[TO DO]
Repeat exactly the opening lines of the records, ending with the line that contains "#139=IFCINDEXEDPOLYGONALFACE((2,6,8,4));".

### DATA EXCERPTS ###

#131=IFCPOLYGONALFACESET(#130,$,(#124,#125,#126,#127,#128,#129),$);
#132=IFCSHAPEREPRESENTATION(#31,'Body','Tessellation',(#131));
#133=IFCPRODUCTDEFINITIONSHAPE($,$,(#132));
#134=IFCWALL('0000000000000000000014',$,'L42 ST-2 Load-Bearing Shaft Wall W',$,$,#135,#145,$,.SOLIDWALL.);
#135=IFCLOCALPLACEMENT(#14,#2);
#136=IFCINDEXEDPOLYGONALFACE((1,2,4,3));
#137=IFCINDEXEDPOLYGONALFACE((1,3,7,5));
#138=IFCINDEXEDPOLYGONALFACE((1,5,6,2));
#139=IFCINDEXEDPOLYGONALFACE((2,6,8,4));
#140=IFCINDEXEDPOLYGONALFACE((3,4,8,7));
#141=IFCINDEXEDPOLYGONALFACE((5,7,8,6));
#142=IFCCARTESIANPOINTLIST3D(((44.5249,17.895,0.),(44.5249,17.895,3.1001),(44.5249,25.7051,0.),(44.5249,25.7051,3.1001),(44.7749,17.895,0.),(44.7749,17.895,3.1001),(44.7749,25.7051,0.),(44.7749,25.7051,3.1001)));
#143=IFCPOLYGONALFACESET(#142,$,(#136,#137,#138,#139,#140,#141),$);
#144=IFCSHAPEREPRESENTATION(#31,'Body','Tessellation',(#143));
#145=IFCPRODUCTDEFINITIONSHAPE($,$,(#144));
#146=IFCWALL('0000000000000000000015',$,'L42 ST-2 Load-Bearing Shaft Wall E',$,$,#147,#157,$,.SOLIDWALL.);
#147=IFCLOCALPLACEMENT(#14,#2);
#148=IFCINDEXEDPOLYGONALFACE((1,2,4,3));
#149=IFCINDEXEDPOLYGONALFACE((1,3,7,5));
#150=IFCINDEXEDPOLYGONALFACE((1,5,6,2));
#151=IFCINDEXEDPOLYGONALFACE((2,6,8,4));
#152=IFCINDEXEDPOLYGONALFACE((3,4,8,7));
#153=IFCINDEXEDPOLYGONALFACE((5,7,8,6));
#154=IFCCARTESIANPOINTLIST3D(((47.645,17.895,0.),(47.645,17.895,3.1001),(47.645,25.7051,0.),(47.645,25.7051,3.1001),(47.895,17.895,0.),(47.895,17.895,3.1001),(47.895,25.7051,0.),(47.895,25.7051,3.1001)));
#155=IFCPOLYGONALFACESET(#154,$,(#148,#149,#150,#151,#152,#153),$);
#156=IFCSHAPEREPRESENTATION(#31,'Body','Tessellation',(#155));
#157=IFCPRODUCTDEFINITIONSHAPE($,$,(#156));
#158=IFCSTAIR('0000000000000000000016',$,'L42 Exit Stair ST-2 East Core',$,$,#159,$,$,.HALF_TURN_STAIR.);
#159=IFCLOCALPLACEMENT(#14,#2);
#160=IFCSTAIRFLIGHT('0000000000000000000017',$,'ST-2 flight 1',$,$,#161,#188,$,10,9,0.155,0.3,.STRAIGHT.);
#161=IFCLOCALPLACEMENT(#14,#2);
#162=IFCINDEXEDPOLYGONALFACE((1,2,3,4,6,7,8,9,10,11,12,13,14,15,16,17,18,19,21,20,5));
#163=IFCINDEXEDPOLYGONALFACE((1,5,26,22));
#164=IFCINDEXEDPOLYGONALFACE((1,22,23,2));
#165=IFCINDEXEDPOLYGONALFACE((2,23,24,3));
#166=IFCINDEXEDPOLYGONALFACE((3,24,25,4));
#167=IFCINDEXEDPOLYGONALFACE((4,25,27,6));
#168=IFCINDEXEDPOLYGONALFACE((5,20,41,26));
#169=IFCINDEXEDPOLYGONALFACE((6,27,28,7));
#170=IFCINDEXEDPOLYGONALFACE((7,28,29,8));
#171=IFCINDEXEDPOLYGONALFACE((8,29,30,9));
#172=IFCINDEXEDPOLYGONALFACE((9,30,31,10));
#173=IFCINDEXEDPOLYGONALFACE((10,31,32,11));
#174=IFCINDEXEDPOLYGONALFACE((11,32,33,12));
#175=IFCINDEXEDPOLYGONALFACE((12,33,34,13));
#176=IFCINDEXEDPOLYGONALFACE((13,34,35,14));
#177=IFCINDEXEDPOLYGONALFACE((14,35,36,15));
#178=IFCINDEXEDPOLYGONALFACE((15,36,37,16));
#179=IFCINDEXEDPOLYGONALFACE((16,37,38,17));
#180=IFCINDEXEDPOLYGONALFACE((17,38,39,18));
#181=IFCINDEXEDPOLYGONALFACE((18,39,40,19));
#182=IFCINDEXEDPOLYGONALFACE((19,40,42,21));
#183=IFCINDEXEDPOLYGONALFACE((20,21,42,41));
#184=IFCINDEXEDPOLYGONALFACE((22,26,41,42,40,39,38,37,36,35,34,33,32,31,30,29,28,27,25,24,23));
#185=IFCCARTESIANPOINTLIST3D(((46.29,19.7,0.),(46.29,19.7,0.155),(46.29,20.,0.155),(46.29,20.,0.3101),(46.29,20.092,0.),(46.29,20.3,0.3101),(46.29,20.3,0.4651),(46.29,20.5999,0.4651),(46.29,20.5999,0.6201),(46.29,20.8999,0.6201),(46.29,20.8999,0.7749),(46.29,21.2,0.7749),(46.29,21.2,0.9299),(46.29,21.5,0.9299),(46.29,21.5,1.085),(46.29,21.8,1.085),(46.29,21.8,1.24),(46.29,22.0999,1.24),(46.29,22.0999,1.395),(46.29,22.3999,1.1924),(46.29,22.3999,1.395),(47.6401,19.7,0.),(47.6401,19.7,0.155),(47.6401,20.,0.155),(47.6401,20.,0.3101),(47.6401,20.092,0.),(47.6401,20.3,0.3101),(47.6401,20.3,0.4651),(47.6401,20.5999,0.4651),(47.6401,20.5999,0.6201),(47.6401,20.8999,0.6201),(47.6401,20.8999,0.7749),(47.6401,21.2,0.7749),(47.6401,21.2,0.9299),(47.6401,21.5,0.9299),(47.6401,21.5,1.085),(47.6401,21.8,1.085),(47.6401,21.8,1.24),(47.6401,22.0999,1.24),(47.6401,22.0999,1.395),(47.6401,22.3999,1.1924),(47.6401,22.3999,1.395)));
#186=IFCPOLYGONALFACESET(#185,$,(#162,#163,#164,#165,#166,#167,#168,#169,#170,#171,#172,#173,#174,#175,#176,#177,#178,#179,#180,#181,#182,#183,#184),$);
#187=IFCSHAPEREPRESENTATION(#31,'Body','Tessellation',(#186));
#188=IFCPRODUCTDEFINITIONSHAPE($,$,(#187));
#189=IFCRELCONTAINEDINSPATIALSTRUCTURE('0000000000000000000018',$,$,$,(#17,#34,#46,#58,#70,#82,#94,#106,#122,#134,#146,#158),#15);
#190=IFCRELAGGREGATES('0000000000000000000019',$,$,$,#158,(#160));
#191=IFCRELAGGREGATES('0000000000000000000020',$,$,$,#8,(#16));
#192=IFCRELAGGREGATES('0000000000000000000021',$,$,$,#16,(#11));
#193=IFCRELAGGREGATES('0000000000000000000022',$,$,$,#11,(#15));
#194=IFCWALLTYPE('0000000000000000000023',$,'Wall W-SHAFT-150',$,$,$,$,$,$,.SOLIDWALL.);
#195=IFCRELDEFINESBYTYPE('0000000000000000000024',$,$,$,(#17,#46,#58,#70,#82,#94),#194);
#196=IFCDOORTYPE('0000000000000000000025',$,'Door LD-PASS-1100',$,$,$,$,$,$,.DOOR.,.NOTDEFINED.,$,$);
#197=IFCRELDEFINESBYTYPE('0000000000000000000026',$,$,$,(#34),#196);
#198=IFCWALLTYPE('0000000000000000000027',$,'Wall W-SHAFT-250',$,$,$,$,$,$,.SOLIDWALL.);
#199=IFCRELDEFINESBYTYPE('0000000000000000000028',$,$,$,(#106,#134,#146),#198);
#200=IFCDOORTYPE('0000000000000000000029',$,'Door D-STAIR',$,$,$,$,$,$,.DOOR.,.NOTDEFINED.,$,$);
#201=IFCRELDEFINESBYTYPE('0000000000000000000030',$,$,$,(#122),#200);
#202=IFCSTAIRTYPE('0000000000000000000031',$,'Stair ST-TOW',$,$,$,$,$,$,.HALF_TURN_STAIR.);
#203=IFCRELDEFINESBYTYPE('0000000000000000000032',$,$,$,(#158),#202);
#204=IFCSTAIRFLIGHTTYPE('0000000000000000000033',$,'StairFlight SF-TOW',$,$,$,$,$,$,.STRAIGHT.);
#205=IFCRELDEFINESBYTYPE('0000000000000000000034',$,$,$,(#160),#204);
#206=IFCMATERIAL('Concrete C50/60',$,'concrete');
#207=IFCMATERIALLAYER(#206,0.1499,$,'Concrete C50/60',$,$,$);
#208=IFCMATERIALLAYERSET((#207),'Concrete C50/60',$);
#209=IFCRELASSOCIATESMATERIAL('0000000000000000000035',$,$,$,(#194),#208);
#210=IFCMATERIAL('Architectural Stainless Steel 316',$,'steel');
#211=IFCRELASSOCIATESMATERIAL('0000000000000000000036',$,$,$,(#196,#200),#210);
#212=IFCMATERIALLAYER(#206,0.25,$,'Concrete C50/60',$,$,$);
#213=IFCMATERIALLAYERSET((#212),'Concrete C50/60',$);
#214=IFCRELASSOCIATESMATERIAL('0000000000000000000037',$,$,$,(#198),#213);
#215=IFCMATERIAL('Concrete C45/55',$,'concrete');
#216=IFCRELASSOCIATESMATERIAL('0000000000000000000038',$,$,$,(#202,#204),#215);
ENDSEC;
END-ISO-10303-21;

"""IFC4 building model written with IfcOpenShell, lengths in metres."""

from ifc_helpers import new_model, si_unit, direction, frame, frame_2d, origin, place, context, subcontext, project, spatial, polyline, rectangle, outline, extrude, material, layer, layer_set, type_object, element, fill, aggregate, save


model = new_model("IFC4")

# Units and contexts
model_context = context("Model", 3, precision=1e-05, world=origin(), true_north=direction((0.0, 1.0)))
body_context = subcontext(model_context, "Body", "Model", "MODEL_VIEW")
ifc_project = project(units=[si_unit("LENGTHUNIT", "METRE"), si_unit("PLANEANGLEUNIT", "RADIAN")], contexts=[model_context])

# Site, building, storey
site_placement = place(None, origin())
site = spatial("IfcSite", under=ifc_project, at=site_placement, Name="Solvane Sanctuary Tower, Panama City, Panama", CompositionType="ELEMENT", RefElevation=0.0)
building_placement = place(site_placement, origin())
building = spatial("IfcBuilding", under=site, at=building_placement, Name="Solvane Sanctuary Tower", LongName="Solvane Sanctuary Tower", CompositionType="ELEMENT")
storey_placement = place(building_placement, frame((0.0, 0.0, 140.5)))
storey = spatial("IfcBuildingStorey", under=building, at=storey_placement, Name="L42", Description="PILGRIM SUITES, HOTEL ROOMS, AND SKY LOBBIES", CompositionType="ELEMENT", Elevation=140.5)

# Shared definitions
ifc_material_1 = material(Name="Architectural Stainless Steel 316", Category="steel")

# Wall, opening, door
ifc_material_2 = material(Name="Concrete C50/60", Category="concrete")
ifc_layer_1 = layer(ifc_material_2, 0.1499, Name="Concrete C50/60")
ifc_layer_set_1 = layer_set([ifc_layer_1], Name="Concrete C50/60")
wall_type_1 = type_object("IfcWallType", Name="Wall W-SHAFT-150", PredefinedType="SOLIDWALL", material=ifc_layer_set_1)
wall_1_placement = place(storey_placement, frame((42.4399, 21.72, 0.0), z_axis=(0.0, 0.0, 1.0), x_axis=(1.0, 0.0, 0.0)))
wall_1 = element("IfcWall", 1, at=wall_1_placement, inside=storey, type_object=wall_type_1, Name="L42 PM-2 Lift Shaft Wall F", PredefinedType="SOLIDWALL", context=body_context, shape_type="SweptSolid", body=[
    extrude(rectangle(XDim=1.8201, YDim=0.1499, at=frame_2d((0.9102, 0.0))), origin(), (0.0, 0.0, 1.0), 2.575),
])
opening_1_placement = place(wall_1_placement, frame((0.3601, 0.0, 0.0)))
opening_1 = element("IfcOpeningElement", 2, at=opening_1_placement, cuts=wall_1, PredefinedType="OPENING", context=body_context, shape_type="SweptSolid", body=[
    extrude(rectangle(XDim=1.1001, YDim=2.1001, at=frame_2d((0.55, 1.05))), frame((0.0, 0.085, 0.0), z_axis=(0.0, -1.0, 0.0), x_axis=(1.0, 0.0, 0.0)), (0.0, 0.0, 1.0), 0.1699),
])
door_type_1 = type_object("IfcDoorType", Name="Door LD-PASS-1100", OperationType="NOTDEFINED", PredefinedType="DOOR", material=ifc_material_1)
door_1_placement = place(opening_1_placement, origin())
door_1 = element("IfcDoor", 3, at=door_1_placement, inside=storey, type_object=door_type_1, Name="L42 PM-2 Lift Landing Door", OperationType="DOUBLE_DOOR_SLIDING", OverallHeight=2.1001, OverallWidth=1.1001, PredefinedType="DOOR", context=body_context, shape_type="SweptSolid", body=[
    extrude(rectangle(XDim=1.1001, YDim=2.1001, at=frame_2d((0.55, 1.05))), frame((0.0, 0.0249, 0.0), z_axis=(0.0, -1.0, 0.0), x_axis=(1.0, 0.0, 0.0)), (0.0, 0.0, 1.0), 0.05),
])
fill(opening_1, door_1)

###

[ANSWER SECTION]
#131=IFCPOLYGONALFACESET(#130,$,(#124,#125,#126,#127,#128,#129),$);
#132=IFCSHAPEREPRESENTATION(#31,'Body','Tessellation',(#131));
#133=IFCPRODUCTDEFINITIONSHAPE($,$,(#132));
#134=IFCWALL('0000000000000000000014',$,'L42 ST-2 Load-Bearing Shaft Wall W',$,$,#135,#145,$,.SOLIDWALL.);
#135=IFCLOCALPLACEMENT(#14,#2);
#136=IFCINDEXEDPOLYGONALFACE((1,2,4,3));
#137=IFCINDEXEDPOLYGONALFACE((1,3,7,5));
#138=IFCINDEXEDPOLYGONALFACE((1,5,6,2));
#139=IFCINDEXEDPOLYGONALFACE((2,6,8,4));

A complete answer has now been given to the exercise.